### INSTRUCTIONS FOR THE TASK:
Render every entry exactly as it appears.
-- RECORDS PROVIDED follows --
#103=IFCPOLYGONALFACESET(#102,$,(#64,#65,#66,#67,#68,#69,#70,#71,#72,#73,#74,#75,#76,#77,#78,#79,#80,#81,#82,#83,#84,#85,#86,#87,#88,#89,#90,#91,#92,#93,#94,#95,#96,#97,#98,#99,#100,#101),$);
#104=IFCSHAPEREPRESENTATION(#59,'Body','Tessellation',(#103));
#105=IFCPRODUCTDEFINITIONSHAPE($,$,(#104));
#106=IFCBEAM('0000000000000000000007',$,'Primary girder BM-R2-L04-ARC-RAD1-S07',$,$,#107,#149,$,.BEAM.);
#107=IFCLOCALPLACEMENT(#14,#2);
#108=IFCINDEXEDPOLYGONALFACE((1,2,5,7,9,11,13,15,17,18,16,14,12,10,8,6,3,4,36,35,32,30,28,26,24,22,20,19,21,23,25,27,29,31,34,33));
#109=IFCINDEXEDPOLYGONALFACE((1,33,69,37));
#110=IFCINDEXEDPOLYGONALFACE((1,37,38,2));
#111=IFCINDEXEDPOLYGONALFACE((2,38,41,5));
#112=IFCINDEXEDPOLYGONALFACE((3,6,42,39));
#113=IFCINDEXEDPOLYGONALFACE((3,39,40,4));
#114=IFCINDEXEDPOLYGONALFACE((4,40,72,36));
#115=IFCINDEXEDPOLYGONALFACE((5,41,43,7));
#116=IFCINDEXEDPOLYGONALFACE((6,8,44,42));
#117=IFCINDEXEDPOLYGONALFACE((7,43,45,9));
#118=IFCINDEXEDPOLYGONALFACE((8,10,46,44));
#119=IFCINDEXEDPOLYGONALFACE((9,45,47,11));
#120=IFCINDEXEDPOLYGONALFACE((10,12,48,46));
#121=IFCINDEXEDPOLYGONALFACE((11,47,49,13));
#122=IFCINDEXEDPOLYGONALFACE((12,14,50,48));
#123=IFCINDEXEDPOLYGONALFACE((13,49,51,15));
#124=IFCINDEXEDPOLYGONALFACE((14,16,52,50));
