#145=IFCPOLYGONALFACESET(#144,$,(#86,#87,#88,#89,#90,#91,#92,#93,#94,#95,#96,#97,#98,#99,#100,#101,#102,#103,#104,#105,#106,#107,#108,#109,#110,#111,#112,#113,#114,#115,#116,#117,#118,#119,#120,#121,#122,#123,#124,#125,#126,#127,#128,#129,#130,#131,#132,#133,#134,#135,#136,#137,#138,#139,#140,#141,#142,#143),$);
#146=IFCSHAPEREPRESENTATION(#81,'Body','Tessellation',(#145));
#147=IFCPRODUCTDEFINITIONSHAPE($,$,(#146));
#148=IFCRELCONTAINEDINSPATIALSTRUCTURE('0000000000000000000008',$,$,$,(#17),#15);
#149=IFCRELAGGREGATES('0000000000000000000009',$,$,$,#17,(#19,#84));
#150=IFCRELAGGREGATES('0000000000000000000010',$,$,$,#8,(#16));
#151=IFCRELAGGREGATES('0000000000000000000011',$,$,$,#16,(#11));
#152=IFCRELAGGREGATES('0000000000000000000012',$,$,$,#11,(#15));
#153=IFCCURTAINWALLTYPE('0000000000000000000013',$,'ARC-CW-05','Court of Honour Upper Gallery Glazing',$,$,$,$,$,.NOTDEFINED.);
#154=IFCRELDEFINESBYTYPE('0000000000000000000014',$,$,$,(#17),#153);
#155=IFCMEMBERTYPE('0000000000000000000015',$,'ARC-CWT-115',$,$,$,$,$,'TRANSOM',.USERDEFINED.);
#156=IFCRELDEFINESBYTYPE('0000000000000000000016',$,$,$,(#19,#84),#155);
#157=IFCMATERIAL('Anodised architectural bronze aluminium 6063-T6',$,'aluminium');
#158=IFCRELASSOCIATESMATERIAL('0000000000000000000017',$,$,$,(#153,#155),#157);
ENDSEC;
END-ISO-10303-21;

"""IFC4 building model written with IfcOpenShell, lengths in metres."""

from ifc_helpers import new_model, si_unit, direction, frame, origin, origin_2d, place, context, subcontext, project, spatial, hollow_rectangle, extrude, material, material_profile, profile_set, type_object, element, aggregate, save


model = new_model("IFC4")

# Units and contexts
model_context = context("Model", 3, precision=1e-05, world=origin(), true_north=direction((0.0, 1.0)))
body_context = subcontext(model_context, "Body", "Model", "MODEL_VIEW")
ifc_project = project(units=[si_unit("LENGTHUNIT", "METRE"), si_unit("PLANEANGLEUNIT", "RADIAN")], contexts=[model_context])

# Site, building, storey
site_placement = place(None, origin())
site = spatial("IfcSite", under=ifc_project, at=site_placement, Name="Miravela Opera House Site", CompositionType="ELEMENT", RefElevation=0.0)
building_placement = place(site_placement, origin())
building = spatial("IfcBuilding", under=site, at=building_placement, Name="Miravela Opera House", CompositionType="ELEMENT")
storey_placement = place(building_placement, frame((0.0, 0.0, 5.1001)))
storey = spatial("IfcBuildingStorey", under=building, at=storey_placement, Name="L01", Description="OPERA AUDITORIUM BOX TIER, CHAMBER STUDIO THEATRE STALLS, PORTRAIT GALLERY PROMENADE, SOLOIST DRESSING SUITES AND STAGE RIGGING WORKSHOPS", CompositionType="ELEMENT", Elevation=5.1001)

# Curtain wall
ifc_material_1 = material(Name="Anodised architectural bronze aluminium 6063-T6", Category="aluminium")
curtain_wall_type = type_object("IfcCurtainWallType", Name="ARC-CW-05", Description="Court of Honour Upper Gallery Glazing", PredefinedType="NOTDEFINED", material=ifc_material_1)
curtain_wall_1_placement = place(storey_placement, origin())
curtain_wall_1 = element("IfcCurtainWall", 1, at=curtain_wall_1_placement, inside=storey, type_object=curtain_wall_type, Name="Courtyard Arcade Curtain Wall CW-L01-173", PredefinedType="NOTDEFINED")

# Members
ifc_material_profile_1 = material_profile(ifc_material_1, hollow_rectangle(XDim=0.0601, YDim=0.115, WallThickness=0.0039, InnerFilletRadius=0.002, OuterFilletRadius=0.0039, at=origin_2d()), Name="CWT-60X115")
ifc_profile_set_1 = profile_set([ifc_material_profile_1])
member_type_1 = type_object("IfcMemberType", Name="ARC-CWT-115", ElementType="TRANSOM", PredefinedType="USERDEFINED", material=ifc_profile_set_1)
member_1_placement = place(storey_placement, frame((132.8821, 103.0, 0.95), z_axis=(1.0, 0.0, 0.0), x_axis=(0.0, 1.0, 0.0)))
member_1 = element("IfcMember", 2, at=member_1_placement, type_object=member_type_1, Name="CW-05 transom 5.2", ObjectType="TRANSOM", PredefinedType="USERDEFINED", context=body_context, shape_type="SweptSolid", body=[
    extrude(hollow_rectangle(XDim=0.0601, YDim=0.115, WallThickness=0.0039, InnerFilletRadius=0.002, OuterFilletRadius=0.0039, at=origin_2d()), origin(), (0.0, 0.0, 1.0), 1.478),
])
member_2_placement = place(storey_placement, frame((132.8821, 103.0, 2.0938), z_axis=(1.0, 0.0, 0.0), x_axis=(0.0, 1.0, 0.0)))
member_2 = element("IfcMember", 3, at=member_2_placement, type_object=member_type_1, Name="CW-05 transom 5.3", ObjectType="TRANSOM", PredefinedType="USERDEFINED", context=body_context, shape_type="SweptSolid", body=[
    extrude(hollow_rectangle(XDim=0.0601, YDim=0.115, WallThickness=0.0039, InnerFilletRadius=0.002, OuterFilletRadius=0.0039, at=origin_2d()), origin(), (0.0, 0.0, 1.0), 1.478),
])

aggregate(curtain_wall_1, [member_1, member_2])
-- RECORDS PROVIDED concluded --
### SOLVED EXERCISE:
#103=IFCPOLYGONALFACESET(#102,$,(#64,#65,#66,#67,#68,#69,#70,#71,#72,#73,#74,#75,#76,#77,#78,#79,#80,#81,#82,#83,#84,#85,#86,#87,#88,#89,#90,#91,#92,#93,#94,#95,#96,#97,#98,#99,#100,#101),$);
#104=IFCSHAPEREPRESENTATION(#59,'Body','Tessellation',(#103));
#105=IFCPRODUCTDEFINITIONSHAPE($,$,(#104));
#106=IFCBEAM('0000000000000000000007',$,'Primary girder BM-R2-L04-ARC-RAD1-S07',$,$,#107,#149,$,.BEAM.);
#107=IFCLOCALPLACEMENT(#14,#2);
#108=IFCINDEXEDPOLYGONALFACE((1,2,5,7,9,11,13,15,17,18,16,14,12,10,8,6,3,4,36,35,32,30,28,26,24,22,20,19,21,23,25,27,29,31,34,33));
#109=IFCINDEXEDPOLYGONALFACE((1,33,69,37));
#110=IFCINDEXEDPOLYGONALFACE((1,37,38,2));
#111=IFCINDEXEDPOLYGONALFACE((2,38,41,5));
#112=IFCINDEXEDPOLYGONALFACE((3,6,42,39));
#113=IFCINDEXEDPOLYGONALFACE((3,39,40,4));
#114=IFCINDEXEDPOLYGONALFACE((4,40,72,36));
#115=IFCINDEXEDPOLYGONALFACE((5,41,43,7));
#116=IFCINDEXEDPOLYGONALFACE((6,8,44,42));
#117=IFCINDEXEDPOLYGONALFACE((7,43,45,9));
#118=IFCINDEXEDPOLYGONALFACE((8,10,46,44));
#119=IFCINDEXEDPOLYGONALFACE((9,45,47,11));
#120=IFCINDEXEDPOLYGONALFACE((10,12,48,46));
#121=IFCINDEXEDPOLYGONALFACE((11,47,49,13));
#122=IFCINDEXEDPOLYGONALFACE((12,14,50,48));
#123=IFCINDEXEDPOLYGONALFACE((13,49,51,15));
#124=IFCINDEXEDPOLYGONALFACE((14,16,52,50));
#145=IFCPOLYGONALFACESET(#144,$,(#86,#87,#88,#89,#90,#91,#92,#93,#94,#95,#96,#97,#98,#99,#100,#101,#102,#103,#104,#105,#106,#107,#108,#109,#110,#111,#112,#113,#114,#115,#116,#117,#118,#119,#120,#121,#122,#123,#124,#125,#126,#127,#128,#129,#130,#131,#132,#133,#134,#135,#136,#137,#138,#139,#140,#141,#142,#143),$);
#146=IFCSHAPEREPRESENTATION(#81,'Body','Tessellation',(#145));
#147=IFCPRODUCTDEFINITIONSHAPE($,$,(#146));
#148=IFCRELCONTAINEDINSPATIALSTRUCTURE('0000000000000000000008',$,$,$,(#17),#15);
#149=IFCRELAGGREGATES('0000000000000000000009',$,$,$,#17,(#19,#84));
#150=IFCRELAGGREGATES('0000000000000000000010',$,$,$,#8,(#16));
#151=IFCRELAGGREGATES('0000000000000000000011',$,$,$,#16,(#11));
#152=IFCRELAGGREGATES('0000000000000000000012',$,$,$,#11,(#15));
#153=IFCCURTAINWALLTYPE('0000000000000000000013',$,'ARC-CW-05','Court of Honour Upper Gallery Glazing',$,$,$,$,$,.NOTDEFINED.);
#154=IFCRELDEFINESBYTYPE('0000000000000000000014',$,$,$,(#17),#153);
#155=IFCMEMBERTYPE('0000000000000000000015',$,'ARC-CWT-115',$,$,$,$,$,'TRANSOM',.USERDEFINED.);
#156=IFCRELDEFINESBYTYPE('0000000000000000000016',$,$,$,(#19,#84),#155);
#157=IFCMATERIAL('Anodised architectural bronze aluminium 6063-T6',$,'aluminium');
#158=IFCRELASSOCIATESMATERIAL('0000000000000000000017',$,$,$,(#153,#155),#157);
ENDSEC;
END-ISO-10303-21;

"""IFC4 building model written with IfcOpenShell, lengths in metres."""

from ifc_helpers import new_model, si_unit, direction, frame, origin, origin_2d, place, context, subcontext, project, spatial, hollow_rectangle, extrude, material, material_profile, profile_set, type_object, element, aggregate, save


model = new_model("IFC4")

# Units and contexts
model_context = context("Model", 3, precision=1e-05, world=origin(), true_north=direction((0.0, 1.0)))
body_context = subcontext(model_context, "Body", "Model", "MODEL_VIEW")
ifc_project = project(units=[si_unit("LENGTHUNIT", "METRE"), si_unit("PLANEANGLEUNIT", "RADIAN")], contexts=[model_context])

# Site, building, storey
site_placement = place(None, origin())
site = spatial("IfcSite", under=ifc_project, at=site_placement, Name="Miravela Opera House Site", CompositionType="ELEMENT", RefElevation=0.0)
building_placement = place(site_placement, origin())
building = spatial("IfcBuilding", under=site, at=building_placement, Name="Miravela Opera House", CompositionType="ELEMENT")
storey_placement = place(building_placement, frame((0.0, 0.0, 5.1001)))
storey = spatial("IfcBuildingStorey", under=building, at=storey_placement, Name="L01", Description="OPERA AUDITORIUM BOX TIER, CHAMBER STUDIO THEATRE STALLS, PORTRAIT GALLERY PROMENADE, SOLOIST DRESSING SUITES AND STAGE RIGGING WORKSHOPS", CompositionType="ELEMENT", Elevation=5.1001)

# Curtain wall
ifc_material_1 = material(Name="Anodised architectural bronze aluminium 6063-T6", Category="aluminium")
curtain_wall_type = type_object("IfcCurtainWallType", Name="ARC-CW-05", Description="Court of Honour Upper Gallery Glazing", PredefinedType="NOTDEFINED", material=ifc_material_1)
curtain_wall_1_placement = place(storey_placement, origin())
curtain_wall_1 = element("IfcCurtainWall", 1, at=curtain_wall_1_placement, inside=storey, type_object=curtain_wall_type, Name="Courtyard Arcade Curtain Wall CW-L01-173", PredefinedType="NOTDEFINED")

# Members
ifc_material_profile_1 = material_profile(ifc_material_1, hollow_rectangle(XDim=0.0601, YDim=0.115, WallThickness=0.0039, InnerFilletRadius=0.002, OuterFilletRadius=0.0039, at=origin_2d()), Name="CWT-60X115")
ifc_profile_set_1 = profile_set([ifc_material_profile_1])
member_type_1 = type_object("IfcMemberType", Name="ARC-CWT-115", ElementType="TRANSOM", PredefinedType="USERDEFINED", material=ifc_profile_set_1)
member_1_placement = place(storey_placement, frame((132.8821, 103.0, 0.95), z_axis=(1.0, 0.0, 0.0), x_axis=(0.0, 1.0, 0.0)))
member_1 = element("IfcMember", 2, at=member_1_placement, type_object=member_type_1, Name="CW-05 transom 5.2", ObjectType="TRANSOM", PredefinedType="USERDEFINED", context=body_context, shape_type="SweptSolid", body=[
    extrude(hollow_rectangle(XDim=0.0601, YDim=0.115, WallThickness=0.0039, InnerFilletRadius=0.002, OuterFilletRadius=0.0039, at=origin_2d()), origin(), (0.0, 0.0, 1.0), 1.478),
])
member_2_placement = place(storey_placement, frame((132.8821, 103.0, 2.0938), z_axis=(1.0, 0.0, 0.0), x_axis=(0.0, 1.0, 0.0)))
member_2 = element("IfcMember", 3, at=member_2_placement, type_object=member_type_1, Name="CW-05 transom 5.3", ObjectType="TRANSOM", PredefinedType="USERDEFINED", context=body_context, shape_type="SweptSolid", body=[
    extrude(hollow_rectangle(XDim=0.0601, YDim=0.115, WallThickness=0.0039, InnerFilletRadius=0.002, OuterFilletRadius=0.0039, at=origin_2d()), origin(), (0.0, 0.0, 1.0), 1.478),
])

aggregate(curtain_wall_1, [member_1, member_2])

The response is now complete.